▶ STUDY MATERIAL

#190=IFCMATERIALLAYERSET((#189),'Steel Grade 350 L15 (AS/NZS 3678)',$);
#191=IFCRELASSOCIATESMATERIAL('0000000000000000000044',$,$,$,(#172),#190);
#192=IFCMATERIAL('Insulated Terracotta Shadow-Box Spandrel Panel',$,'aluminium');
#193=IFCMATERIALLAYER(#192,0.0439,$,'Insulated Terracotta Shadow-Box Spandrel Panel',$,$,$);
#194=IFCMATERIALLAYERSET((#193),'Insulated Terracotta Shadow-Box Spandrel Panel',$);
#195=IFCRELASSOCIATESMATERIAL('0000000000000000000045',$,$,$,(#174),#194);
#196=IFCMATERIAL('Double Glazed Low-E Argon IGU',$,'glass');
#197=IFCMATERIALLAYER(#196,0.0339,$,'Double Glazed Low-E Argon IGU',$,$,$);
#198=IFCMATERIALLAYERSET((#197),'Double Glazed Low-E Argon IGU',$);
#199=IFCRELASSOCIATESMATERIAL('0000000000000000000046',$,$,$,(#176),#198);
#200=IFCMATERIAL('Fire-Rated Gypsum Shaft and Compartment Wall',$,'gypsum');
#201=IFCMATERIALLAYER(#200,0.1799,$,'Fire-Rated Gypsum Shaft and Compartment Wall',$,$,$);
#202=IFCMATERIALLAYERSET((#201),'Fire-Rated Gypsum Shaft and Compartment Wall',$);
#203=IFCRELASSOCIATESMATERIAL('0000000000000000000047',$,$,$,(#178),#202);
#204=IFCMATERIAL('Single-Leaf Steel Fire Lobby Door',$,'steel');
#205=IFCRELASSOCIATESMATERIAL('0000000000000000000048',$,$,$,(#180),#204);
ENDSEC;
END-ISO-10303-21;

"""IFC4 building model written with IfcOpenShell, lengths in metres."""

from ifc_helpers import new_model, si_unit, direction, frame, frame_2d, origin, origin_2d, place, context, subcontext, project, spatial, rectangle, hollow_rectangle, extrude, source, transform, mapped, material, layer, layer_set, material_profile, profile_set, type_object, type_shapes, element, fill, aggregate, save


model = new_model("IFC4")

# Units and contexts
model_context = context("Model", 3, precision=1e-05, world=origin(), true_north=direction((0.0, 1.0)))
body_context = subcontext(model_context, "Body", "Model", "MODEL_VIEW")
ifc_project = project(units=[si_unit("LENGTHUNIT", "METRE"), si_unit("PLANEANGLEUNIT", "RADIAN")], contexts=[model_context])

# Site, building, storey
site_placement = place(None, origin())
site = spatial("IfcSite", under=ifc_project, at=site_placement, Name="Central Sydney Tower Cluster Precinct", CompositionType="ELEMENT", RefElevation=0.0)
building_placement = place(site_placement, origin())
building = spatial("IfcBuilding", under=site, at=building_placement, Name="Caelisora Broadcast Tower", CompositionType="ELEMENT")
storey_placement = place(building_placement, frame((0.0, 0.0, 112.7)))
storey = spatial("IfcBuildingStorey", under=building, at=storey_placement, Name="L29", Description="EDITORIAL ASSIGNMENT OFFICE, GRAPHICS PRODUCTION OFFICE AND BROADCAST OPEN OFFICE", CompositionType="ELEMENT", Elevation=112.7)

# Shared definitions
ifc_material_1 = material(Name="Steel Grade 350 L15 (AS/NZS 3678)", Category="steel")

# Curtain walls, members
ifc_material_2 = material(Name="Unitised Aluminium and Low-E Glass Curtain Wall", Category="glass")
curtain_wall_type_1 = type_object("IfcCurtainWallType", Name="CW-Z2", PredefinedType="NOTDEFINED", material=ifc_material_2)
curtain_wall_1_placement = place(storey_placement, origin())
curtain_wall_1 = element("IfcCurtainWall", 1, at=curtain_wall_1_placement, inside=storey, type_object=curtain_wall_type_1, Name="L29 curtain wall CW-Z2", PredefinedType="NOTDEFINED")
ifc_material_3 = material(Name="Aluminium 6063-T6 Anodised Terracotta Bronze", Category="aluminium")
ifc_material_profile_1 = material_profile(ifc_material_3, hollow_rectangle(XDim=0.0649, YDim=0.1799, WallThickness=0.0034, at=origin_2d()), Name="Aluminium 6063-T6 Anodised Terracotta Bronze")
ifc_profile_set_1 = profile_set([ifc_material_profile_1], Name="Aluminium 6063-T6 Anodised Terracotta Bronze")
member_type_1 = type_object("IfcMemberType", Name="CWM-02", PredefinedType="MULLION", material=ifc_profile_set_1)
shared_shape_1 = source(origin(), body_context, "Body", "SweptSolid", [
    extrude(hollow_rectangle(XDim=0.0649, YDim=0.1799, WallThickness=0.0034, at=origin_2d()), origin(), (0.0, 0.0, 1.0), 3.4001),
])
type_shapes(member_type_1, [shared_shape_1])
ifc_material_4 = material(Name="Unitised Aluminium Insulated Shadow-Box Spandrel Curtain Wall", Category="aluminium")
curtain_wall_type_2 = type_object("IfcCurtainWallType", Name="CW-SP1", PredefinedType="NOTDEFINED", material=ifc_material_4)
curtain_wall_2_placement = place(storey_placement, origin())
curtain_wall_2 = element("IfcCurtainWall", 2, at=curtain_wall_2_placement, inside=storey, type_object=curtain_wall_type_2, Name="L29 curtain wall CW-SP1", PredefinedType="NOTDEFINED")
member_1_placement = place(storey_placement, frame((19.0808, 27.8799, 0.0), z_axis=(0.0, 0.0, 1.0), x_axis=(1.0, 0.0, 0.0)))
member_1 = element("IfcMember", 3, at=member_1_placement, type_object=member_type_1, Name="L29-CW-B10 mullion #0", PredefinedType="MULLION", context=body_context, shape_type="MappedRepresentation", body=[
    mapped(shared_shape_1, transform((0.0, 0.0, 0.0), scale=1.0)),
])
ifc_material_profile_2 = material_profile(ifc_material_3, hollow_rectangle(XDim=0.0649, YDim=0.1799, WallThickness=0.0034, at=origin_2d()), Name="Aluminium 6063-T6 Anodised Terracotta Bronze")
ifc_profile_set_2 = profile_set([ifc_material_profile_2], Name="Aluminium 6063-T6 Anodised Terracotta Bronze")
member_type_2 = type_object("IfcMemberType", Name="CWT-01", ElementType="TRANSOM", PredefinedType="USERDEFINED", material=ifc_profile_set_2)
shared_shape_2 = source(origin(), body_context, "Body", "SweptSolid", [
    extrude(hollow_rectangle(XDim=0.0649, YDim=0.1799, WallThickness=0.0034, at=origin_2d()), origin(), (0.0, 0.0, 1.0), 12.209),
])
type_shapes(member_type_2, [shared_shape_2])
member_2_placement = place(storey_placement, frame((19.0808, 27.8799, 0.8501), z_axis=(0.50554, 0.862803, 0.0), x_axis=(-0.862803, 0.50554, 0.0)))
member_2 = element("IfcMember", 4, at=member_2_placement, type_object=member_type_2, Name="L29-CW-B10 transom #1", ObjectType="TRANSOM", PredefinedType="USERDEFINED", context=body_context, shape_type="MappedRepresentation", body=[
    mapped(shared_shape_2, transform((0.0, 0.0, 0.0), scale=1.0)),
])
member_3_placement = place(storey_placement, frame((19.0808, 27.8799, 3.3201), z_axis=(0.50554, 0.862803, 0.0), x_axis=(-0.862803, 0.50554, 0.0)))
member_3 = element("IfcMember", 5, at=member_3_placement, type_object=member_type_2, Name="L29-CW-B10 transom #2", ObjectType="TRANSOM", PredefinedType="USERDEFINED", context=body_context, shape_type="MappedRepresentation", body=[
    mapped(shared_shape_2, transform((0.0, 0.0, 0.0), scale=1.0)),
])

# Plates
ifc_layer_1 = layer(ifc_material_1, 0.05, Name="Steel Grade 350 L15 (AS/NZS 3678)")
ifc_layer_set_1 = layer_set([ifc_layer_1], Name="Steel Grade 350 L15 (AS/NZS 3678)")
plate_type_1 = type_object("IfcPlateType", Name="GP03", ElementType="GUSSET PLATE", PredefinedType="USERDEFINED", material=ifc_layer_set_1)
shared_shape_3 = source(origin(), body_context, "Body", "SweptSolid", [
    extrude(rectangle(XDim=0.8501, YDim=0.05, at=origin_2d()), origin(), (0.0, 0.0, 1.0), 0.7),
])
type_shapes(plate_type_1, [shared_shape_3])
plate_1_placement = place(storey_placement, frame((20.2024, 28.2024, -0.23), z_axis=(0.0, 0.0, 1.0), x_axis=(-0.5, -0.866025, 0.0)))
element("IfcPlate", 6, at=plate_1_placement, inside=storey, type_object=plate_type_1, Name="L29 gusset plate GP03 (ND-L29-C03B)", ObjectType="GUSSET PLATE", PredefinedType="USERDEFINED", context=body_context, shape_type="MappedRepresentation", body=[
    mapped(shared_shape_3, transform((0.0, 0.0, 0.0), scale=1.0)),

▶ TASK PROMPT
Using the listing above, locate the lines that hold "Shaft" and copy each one.

▶ ANSWER SECTION
#200=IFCMATERIAL('Fire-Rated Gypsum Shaft and Compartment Wall',$,'gypsum');
#201=IFCMATERIALLAYER(#200,0.1799,$,'Fire-Rated Gypsum Shaft and Compartment Wall',$,$,$);
#202=IFCMATERIALLAYERSET((#201),'Fire-Rated Gypsum Shaft and Compartment Wall',$);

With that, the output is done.